§ Entries provided
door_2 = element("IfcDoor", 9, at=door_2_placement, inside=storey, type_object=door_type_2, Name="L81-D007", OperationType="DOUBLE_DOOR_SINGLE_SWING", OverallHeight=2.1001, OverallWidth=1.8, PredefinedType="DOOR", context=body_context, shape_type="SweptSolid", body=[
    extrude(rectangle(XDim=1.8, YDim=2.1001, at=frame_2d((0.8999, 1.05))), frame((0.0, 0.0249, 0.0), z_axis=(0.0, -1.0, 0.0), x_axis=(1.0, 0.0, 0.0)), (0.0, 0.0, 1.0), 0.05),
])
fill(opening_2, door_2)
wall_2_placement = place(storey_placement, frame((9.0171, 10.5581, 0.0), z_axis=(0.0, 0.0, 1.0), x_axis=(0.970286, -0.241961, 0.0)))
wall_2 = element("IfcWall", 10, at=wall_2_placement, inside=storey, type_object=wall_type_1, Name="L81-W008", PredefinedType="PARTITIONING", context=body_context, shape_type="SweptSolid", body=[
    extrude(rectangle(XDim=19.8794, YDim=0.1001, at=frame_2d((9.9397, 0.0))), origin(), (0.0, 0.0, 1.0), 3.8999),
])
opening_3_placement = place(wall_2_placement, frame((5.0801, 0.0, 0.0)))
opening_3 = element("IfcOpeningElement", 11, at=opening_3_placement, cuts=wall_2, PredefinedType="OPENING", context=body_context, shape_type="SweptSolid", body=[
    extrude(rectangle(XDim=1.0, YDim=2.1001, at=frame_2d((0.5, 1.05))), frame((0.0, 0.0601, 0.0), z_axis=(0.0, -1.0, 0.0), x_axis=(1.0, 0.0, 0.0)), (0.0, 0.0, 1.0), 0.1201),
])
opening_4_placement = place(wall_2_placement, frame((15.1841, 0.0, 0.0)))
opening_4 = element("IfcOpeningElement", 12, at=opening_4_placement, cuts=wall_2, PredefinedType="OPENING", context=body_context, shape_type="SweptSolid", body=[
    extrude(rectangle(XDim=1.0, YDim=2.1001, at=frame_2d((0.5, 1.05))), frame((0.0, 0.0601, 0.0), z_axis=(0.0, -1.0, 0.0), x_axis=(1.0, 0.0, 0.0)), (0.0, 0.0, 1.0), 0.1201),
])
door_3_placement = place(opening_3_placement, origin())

§ Work required
The answer must be every line from the records above that contains "cuts".

§ Result of this task
opening_3 = element("IfcOpeningElement", 11, at=opening_3_placement, cuts=wall_2, PredefinedType="OPENING", context=body_context, shape_type="SweptSolid", body=[
opening_4 = element("IfcOpeningElement", 12, at=opening_4_placement, cuts=wall_2, PredefinedType="OPENING", context=body_context, shape_type="SweptSolid", body=[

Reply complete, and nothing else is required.